## [Task directions]
Below are some entries. Repeat exactly the lines from the one with "#119=IFCLOCALPLACEMENT(#14,#2);" through the one with "#144=IFCRELAGGREGATES('0000000000000000000012',$,$,$,#16,(#11));", and only those.

## [Data for the task]
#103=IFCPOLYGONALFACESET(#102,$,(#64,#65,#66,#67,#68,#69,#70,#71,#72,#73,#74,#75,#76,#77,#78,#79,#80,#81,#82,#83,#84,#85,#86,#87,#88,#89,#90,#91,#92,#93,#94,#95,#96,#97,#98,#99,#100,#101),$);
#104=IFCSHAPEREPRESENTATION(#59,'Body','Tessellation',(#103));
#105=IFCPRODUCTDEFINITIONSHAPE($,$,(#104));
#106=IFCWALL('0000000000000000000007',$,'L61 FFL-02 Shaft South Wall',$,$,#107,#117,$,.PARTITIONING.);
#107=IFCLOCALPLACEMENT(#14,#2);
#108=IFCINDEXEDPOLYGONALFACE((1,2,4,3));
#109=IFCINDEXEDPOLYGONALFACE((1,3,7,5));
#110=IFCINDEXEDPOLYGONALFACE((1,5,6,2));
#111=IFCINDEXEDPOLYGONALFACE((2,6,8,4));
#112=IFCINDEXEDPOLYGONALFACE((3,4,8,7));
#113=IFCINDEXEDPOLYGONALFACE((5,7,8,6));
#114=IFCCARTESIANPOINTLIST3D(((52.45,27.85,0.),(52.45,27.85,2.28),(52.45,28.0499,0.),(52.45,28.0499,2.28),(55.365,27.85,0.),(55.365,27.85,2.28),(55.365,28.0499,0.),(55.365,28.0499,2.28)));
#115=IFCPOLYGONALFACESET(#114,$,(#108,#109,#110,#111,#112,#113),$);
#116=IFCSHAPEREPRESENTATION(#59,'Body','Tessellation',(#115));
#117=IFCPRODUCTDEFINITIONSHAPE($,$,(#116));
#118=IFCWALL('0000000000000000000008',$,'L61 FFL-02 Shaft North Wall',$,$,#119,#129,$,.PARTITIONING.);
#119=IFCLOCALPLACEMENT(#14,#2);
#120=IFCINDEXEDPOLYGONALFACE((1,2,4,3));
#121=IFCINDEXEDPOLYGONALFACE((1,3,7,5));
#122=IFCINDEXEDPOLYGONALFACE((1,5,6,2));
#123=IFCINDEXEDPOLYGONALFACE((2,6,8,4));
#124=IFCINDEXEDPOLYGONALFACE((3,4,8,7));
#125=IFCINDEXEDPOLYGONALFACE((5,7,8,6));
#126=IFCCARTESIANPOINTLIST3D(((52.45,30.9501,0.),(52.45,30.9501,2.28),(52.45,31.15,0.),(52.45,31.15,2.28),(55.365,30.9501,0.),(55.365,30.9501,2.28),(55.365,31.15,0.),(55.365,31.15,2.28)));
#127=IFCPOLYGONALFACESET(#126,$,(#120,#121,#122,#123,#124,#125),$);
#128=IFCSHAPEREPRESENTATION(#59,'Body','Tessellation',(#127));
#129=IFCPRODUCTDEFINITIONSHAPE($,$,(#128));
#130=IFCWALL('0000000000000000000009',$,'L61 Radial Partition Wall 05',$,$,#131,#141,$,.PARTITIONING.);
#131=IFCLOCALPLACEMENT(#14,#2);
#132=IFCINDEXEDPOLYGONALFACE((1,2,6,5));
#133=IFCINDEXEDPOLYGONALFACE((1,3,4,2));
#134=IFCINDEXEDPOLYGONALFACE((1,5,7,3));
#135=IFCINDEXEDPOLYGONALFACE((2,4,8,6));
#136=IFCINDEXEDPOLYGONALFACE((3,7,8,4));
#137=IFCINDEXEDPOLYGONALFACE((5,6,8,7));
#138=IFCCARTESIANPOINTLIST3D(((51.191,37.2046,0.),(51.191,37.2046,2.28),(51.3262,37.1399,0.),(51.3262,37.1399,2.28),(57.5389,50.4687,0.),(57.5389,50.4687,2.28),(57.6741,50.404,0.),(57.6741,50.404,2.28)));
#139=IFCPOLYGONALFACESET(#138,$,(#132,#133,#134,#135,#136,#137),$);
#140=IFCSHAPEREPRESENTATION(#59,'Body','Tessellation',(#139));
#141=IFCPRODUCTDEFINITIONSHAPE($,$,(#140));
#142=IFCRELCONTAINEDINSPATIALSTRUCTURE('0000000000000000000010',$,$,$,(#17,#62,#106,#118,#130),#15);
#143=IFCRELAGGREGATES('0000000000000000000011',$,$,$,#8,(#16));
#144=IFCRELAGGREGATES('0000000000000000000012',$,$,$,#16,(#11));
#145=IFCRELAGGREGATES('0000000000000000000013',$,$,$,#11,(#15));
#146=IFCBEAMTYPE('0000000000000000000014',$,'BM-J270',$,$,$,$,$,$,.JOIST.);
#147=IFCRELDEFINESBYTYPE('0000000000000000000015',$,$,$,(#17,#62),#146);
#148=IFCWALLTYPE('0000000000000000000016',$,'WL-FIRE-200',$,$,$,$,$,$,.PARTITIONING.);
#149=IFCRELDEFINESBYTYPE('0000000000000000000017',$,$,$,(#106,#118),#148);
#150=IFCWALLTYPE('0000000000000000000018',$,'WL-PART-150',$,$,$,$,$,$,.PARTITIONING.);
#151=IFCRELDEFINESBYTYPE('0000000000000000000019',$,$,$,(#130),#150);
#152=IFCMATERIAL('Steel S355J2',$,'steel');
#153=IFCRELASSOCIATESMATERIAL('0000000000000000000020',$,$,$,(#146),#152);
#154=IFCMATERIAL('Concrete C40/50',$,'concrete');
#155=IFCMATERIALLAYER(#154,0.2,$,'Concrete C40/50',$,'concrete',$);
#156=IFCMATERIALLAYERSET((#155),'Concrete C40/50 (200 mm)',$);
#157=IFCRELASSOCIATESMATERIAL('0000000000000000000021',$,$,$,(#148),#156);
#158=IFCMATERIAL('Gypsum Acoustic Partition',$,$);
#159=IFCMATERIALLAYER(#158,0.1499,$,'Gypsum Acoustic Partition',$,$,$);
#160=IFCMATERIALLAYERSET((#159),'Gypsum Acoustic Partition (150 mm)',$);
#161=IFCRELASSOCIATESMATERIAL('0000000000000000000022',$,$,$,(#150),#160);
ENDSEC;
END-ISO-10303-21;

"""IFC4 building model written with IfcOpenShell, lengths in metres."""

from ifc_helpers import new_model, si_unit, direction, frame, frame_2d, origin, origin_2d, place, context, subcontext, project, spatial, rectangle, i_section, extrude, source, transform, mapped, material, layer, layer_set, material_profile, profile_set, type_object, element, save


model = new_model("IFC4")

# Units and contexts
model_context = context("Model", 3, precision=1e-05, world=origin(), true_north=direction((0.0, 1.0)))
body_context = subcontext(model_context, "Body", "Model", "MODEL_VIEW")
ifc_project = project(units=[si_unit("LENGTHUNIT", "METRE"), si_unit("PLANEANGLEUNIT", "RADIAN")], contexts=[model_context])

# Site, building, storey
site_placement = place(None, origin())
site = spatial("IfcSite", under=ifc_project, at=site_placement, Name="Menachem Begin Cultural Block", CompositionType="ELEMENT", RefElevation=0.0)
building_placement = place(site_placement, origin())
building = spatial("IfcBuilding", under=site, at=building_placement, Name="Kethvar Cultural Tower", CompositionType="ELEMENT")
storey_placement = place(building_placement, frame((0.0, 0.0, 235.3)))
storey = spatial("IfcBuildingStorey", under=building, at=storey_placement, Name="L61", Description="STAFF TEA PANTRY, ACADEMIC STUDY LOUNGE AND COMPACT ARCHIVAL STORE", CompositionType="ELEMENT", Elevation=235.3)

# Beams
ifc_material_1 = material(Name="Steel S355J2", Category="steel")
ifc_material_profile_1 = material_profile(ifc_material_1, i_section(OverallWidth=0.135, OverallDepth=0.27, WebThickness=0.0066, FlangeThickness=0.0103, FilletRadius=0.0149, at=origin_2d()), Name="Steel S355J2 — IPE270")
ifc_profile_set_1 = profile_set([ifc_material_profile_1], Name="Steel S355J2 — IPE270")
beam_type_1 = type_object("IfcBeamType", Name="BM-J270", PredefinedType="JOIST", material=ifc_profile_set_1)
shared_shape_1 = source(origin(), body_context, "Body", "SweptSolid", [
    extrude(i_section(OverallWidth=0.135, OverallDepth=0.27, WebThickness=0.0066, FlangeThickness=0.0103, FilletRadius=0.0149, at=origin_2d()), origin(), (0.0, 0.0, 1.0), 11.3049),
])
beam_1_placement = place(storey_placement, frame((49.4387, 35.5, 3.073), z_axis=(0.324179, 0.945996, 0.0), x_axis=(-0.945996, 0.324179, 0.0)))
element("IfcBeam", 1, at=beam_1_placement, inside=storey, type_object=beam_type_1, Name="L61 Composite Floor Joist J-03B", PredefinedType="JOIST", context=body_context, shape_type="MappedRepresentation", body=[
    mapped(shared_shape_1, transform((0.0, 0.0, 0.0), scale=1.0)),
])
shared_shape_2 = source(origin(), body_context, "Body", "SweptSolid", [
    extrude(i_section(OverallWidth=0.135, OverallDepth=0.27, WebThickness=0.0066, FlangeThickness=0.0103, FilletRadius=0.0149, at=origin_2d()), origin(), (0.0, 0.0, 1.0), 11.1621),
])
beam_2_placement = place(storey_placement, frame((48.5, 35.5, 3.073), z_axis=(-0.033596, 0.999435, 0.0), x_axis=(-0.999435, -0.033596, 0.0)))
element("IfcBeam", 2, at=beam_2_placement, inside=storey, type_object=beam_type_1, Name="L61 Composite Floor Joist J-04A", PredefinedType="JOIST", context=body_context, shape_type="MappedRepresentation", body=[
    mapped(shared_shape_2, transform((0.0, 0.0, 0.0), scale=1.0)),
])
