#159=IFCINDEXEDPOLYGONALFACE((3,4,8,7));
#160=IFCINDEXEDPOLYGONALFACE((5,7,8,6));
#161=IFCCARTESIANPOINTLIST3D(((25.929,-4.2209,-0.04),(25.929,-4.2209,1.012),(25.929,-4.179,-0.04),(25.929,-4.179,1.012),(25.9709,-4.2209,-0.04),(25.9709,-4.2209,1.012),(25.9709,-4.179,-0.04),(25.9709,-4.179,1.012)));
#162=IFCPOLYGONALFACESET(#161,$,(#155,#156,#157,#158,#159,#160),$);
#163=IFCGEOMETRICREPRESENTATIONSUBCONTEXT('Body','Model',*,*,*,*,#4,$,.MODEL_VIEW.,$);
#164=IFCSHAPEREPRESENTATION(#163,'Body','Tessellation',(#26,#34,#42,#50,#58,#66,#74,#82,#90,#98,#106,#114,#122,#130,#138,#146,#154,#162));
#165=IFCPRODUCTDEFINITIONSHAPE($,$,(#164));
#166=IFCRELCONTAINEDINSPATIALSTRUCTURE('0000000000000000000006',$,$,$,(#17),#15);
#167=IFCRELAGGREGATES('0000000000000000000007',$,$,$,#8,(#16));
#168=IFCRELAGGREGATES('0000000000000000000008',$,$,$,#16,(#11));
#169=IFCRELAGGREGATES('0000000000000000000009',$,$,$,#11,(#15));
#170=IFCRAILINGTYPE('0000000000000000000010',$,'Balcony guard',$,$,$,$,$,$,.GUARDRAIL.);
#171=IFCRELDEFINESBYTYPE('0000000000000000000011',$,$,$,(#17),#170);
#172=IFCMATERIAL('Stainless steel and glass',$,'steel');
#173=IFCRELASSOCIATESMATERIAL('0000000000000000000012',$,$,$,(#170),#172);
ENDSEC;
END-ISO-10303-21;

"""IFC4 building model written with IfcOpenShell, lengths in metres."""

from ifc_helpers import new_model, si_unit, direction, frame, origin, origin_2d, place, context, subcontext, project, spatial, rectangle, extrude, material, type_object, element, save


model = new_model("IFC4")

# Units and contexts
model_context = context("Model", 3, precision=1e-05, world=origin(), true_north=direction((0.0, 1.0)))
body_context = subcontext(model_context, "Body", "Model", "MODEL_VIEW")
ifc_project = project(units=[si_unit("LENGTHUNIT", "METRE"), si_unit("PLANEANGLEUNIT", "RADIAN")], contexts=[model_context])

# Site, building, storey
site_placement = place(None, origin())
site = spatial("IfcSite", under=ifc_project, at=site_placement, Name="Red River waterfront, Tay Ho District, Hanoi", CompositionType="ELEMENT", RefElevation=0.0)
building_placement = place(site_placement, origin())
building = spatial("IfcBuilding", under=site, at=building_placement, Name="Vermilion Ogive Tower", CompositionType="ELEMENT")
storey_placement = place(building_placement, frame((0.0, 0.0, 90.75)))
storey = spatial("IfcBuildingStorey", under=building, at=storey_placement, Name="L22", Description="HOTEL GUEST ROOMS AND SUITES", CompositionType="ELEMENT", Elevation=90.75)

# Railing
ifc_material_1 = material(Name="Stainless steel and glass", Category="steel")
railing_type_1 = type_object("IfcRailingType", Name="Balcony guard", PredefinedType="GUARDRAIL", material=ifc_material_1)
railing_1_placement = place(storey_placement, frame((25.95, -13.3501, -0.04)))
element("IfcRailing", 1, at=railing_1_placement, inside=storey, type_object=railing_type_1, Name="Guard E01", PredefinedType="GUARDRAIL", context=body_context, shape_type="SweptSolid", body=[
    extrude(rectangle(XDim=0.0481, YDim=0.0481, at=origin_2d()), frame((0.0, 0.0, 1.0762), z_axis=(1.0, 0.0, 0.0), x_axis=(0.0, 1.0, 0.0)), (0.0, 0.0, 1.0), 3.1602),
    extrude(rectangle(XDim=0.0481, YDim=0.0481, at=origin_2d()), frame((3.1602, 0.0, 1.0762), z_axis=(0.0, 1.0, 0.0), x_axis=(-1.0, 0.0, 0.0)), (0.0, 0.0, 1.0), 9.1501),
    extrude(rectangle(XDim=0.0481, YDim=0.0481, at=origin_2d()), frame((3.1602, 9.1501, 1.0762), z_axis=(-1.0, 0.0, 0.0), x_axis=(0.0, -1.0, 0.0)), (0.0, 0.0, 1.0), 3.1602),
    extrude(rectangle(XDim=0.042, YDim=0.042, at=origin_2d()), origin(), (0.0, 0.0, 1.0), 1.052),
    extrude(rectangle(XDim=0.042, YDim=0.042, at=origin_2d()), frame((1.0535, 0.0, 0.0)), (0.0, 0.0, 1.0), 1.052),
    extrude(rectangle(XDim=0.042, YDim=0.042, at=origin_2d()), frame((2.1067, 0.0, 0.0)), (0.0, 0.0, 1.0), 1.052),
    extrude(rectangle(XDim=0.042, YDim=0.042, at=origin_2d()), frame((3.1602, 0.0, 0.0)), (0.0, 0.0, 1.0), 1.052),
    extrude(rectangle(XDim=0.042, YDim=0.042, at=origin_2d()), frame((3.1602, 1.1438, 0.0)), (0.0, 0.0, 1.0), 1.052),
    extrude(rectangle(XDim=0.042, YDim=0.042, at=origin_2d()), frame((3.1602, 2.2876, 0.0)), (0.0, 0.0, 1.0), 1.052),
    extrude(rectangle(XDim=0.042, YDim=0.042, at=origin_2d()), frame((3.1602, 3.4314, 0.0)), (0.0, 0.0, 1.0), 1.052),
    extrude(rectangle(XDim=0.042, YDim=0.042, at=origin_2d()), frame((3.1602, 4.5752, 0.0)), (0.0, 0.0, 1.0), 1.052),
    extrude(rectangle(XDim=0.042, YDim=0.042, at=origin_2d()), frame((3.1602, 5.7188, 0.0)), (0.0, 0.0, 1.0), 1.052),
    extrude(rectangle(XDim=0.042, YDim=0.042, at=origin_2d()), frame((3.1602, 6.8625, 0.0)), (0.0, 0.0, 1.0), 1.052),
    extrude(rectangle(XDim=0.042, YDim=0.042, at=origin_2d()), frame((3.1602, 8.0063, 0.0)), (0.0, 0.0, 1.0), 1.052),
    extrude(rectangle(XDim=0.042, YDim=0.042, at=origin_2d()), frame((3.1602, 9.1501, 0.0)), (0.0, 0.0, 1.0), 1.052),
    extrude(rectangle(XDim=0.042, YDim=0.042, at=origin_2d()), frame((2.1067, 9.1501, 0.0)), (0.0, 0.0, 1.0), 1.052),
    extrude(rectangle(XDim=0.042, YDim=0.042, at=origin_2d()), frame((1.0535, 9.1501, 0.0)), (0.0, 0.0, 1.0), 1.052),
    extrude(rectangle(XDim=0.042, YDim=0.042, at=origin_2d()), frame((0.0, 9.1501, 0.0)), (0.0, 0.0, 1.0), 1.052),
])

## [Output]
#119=IFCLOCALPLACEMENT(#14,#2);
#120=IFCINDEXEDPOLYGONALFACE((1,2,4,3));
#121=IFCINDEXEDPOLYGONALFACE((1,3,7,5));
#122=IFCINDEXEDPOLYGONALFACE((1,5,6,2));
#123=IFCINDEXEDPOLYGONALFACE((2,6,8,4));
#124=IFCINDEXEDPOLYGONALFACE((3,4,8,7));
#125=IFCINDEXEDPOLYGONALFACE((5,7,8,6));
#126=IFCCARTESIANPOINTLIST3D(((52.45,30.9501,0.),(52.45,30.9501,2.28),(52.45,31.15,0.),(52.45,31.15,2.28),(55.365,30.9501,0.),(55.365,30.9501,2.28),(55.365,31.15,0.),(55.365,31.15,2.28)));
#127=IFCPOLYGONALFACESET(#126,$,(#120,#121,#122,#123,#124,#125),$);
#128=IFCSHAPEREPRESENTATION(#59,'Body','Tessellation',(#127));
#129=IFCPRODUCTDEFINITIONSHAPE($,$,(#128));
#130=IFCWALL('0000000000000000000009',$,'L61 Radial Partition Wall 05',$,$,#131,#141,$,.PARTITIONING.);
#131=IFCLOCALPLACEMENT(#14,#2);
#132=IFCINDEXEDPOLYGONALFACE((1,2,6,5));
#133=IFCINDEXEDPOLYGONALFACE((1,3,4,2));
#134=IFCINDEXEDPOLYGONALFACE((1,5,7,3));
#135=IFCINDEXEDPOLYGONALFACE((2,4,8,6));
#136=IFCINDEXEDPOLYGONALFACE((3,7,8,4));
#137=IFCINDEXEDPOLYGONALFACE((5,6,8,7));
#138=IFCCARTESIANPOINTLIST3D(((51.191,37.2046,0.),(51.191,37.2046,2.28),(51.3262,37.1399,0.),(51.3262,37.1399,2.28),(57.5389,50.4687,0.),(57.5389,50.4687,2.28),(57.6741,50.404,0.),(57.6741,50.404,2.28)));
#139=IFCPOLYGONALFACESET(#138,$,(#132,#133,#134,#135,#136,#137),$);
#140=IFCSHAPEREPRESENTATION(#59,'Body','Tessellation',(#139));
#141=IFCPRODUCTDEFINITIONSHAPE($,$,(#140));
#142=IFCRELCONTAINEDINSPATIALSTRUCTURE('0000000000000000000010',$,$,$,(#17,#62,#106,#118,#130),#15);
#143=IFCRELAGGREGATES('0000000000000000000011',$,$,$,#8,(#16));
#144=IFCRELAGGREGATES('0000000000000000000012',$,$,$,#16,(#11));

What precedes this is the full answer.